=== Provided material ===

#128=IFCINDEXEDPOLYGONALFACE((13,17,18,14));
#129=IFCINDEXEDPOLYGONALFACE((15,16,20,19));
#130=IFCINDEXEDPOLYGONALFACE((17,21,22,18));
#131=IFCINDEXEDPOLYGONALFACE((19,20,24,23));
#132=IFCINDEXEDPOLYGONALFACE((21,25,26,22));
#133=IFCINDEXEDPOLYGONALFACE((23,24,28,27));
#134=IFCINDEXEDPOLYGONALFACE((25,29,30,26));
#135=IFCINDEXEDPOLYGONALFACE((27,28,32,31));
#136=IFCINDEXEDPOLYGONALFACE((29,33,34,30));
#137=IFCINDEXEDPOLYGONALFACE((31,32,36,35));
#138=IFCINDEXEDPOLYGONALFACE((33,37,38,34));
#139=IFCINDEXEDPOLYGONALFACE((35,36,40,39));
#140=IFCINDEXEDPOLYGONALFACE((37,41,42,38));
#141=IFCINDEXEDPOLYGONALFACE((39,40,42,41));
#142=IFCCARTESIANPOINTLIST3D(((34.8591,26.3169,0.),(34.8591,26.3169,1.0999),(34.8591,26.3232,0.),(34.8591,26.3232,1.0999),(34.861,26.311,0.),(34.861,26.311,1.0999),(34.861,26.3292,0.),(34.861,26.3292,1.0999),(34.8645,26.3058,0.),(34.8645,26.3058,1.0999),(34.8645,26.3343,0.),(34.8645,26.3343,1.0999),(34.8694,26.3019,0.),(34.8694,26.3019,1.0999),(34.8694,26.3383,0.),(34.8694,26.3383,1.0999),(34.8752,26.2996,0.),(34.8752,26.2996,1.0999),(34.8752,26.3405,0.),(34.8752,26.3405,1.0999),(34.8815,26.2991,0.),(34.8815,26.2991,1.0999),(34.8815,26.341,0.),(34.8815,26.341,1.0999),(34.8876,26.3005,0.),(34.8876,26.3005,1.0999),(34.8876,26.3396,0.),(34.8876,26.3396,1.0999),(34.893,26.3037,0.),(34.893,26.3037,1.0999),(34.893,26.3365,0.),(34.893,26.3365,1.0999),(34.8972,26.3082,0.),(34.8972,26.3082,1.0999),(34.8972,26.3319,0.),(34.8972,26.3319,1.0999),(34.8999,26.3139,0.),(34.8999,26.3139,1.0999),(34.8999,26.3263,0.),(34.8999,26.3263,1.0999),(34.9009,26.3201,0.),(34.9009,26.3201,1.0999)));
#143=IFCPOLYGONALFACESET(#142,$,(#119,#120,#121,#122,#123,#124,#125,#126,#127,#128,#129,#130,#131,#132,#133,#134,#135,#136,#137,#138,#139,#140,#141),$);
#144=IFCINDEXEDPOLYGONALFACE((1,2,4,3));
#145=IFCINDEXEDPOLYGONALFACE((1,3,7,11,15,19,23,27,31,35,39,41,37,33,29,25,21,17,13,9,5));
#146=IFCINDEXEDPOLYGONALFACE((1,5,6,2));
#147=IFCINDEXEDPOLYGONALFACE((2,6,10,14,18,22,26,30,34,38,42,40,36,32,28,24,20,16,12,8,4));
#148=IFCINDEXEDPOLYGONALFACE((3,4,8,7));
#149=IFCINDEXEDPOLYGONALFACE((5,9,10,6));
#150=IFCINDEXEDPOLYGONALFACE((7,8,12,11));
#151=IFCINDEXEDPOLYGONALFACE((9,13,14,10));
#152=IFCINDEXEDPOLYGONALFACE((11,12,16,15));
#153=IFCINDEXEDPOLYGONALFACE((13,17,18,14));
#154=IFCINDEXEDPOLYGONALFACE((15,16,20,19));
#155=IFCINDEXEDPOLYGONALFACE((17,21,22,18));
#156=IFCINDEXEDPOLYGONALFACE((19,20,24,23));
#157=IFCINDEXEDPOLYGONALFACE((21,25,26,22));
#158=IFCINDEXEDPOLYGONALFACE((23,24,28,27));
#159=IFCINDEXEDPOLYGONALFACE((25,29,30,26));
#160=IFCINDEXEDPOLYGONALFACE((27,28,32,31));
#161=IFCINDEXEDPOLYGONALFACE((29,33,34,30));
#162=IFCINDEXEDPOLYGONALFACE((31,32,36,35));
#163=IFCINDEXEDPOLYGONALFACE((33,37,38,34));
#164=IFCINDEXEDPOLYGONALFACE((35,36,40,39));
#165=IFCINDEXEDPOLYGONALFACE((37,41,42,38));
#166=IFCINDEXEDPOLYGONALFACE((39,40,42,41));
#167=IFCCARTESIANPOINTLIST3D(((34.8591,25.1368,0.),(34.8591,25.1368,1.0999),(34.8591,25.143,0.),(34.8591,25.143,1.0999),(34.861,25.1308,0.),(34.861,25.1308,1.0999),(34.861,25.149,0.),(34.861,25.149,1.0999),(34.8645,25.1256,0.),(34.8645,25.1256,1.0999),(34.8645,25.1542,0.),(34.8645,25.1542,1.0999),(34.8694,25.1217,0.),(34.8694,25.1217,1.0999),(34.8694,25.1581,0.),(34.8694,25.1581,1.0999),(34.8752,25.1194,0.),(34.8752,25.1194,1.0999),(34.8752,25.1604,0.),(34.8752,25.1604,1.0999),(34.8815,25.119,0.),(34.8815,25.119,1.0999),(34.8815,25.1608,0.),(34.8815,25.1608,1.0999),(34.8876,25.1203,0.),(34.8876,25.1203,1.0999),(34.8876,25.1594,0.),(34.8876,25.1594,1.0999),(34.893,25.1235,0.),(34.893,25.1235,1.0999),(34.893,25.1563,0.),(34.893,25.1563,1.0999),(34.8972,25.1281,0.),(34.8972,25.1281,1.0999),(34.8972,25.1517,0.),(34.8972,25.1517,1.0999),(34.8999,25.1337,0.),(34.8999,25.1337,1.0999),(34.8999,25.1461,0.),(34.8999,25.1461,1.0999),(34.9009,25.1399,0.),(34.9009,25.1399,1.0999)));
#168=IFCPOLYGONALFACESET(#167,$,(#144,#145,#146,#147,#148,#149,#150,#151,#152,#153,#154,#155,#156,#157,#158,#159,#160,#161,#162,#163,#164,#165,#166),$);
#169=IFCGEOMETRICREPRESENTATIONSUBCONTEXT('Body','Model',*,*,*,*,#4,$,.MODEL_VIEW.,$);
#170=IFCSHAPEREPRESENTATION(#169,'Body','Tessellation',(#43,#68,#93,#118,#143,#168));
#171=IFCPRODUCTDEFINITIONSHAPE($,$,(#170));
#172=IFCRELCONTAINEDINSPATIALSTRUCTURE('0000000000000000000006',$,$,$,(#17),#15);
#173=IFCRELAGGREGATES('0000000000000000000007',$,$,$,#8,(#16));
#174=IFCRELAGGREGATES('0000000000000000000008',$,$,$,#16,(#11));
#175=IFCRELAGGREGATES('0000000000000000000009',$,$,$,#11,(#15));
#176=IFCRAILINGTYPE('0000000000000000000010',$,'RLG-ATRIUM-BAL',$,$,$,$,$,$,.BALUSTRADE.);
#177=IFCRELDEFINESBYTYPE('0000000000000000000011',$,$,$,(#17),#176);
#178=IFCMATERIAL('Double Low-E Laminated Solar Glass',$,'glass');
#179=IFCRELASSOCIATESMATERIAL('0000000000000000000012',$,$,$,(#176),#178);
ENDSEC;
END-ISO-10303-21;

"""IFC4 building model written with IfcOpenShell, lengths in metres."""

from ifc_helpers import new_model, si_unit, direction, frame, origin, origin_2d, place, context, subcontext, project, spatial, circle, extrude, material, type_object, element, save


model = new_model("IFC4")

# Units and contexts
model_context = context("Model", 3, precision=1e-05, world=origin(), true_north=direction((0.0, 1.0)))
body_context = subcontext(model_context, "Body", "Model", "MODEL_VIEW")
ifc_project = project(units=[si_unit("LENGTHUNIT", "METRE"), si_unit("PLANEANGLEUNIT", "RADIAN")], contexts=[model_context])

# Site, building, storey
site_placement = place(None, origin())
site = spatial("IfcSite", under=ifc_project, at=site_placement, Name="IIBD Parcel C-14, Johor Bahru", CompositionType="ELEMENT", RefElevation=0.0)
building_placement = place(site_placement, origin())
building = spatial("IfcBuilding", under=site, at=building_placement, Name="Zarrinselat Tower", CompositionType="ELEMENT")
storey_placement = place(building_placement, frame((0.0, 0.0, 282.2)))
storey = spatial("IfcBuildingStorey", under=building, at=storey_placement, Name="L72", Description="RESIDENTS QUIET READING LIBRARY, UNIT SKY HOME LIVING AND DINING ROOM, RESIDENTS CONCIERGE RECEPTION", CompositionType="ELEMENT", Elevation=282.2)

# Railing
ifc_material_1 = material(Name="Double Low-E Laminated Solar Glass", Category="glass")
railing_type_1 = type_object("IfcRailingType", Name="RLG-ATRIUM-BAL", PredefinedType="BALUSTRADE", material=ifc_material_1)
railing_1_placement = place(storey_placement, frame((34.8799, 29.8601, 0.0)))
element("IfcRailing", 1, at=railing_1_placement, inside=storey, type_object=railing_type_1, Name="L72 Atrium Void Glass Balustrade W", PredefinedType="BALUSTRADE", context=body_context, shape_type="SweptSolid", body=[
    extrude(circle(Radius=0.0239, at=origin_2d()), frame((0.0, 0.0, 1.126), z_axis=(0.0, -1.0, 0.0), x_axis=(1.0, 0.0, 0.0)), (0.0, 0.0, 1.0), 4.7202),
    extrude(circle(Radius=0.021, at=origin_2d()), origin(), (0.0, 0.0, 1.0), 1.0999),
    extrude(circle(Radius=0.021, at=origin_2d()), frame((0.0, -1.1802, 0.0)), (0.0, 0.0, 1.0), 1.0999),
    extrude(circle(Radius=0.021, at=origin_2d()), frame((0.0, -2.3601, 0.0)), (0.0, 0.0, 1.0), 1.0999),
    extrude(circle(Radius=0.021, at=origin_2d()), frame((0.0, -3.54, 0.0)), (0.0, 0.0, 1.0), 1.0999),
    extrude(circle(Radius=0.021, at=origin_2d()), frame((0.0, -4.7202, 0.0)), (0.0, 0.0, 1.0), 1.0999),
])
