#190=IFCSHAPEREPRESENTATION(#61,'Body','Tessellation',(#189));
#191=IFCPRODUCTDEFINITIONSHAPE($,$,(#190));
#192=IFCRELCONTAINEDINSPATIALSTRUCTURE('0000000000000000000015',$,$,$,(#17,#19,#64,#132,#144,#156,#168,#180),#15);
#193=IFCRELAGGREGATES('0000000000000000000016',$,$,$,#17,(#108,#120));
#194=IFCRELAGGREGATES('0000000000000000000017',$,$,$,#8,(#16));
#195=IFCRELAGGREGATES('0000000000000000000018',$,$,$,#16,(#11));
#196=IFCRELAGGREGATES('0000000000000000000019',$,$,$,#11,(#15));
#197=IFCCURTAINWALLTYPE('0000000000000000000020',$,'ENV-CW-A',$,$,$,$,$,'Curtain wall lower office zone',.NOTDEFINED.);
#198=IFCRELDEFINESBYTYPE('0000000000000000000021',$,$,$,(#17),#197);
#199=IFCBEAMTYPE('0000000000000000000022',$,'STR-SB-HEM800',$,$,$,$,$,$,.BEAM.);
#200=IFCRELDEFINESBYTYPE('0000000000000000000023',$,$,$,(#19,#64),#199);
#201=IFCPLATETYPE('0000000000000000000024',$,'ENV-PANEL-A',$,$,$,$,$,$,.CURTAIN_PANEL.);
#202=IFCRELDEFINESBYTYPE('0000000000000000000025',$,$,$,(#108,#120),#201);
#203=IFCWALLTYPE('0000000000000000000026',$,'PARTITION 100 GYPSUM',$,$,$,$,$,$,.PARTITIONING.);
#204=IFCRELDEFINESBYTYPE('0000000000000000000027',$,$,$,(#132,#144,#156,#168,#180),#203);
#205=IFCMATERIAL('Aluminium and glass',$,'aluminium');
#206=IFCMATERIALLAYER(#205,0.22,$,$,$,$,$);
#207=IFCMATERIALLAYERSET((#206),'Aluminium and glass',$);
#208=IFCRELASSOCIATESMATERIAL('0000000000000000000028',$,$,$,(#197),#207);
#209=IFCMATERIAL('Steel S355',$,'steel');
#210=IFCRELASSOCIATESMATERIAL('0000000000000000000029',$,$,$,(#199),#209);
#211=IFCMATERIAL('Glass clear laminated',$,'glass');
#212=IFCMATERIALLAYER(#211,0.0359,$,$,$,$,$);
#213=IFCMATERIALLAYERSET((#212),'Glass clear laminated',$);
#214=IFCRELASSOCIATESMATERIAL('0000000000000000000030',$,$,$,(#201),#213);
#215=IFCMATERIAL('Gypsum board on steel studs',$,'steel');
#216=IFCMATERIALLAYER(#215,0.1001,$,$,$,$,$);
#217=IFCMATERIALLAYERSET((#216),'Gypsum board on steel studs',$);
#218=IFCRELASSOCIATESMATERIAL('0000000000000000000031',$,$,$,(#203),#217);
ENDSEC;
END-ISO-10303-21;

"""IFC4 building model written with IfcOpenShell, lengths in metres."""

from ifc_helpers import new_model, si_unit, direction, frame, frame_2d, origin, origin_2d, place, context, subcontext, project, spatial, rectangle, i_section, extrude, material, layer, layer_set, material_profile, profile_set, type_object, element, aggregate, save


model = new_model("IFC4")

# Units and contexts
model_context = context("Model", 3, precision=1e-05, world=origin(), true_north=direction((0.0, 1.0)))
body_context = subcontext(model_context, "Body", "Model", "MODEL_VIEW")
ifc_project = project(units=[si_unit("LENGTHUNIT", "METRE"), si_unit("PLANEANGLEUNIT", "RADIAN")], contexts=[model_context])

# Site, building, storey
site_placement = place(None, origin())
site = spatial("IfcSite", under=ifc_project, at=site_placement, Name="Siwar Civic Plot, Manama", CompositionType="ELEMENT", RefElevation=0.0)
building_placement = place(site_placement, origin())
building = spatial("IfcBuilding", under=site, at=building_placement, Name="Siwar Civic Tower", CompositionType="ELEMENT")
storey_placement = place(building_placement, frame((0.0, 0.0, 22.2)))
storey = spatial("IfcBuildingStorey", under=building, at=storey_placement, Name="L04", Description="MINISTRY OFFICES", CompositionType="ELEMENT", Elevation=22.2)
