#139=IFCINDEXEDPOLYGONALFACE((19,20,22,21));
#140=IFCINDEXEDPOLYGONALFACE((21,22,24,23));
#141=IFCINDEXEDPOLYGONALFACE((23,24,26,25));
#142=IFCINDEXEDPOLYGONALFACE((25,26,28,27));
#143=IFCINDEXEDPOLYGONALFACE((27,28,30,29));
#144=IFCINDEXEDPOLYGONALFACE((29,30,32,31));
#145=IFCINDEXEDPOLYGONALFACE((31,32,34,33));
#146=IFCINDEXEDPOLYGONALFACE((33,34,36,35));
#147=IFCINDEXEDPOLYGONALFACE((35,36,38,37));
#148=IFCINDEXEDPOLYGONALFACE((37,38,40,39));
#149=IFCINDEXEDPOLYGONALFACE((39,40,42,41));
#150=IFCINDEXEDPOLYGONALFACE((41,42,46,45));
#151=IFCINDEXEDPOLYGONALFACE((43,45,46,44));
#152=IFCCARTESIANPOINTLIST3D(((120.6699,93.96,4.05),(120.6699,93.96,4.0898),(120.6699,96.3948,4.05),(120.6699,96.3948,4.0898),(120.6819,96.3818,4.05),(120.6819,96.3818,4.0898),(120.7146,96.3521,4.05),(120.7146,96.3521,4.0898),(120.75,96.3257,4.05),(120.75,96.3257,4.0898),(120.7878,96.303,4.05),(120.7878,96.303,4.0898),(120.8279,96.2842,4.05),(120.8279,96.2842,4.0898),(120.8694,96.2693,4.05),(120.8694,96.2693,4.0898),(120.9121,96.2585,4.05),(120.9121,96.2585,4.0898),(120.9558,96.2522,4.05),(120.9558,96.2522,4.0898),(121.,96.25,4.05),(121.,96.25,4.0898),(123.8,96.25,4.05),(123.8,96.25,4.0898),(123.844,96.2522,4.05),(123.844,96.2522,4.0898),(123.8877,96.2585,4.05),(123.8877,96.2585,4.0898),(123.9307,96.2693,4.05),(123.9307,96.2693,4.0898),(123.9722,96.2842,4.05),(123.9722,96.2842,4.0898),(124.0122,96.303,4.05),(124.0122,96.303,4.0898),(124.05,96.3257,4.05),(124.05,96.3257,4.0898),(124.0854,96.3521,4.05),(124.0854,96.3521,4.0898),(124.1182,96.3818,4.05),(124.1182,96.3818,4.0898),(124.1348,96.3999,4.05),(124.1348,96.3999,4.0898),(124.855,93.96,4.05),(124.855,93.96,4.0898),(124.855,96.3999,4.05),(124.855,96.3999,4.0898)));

===

What needs to be done: Begin at the first line of the records above and restate each line word for word, stopping after the line with "#141=IFCINDEXEDPOLYGONALFACE((39,40,42,41));".

Output for this exercise:
#128=IFCINDEXEDPOLYGONALFACE((13,17,18,14));
#129=IFCINDEXEDPOLYGONALFACE((15,16,20,19));
#130=IFCINDEXEDPOLYGONALFACE((17,21,22,18));
#131=IFCINDEXEDPOLYGONALFACE((19,20,24,23));
#132=IFCINDEXEDPOLYGONALFACE((21,25,26,22));
#133=IFCINDEXEDPOLYGONALFACE((23,24,28,27));
#134=IFCINDEXEDPOLYGONALFACE((25,29,30,26));
#135=IFCINDEXEDPOLYGONALFACE((27,28,32,31));
#136=IFCINDEXEDPOLYGONALFACE((29,33,34,30));
#137=IFCINDEXEDPOLYGONALFACE((31,32,36,35));
#138=IFCINDEXEDPOLYGONALFACE((33,37,38,34));
#139=IFCINDEXEDPOLYGONALFACE((35,36,40,39));
#140=IFCINDEXEDPOLYGONALFACE((37,41,42,38));
#141=IFCINDEXEDPOLYGONALFACE((39,40,42,41));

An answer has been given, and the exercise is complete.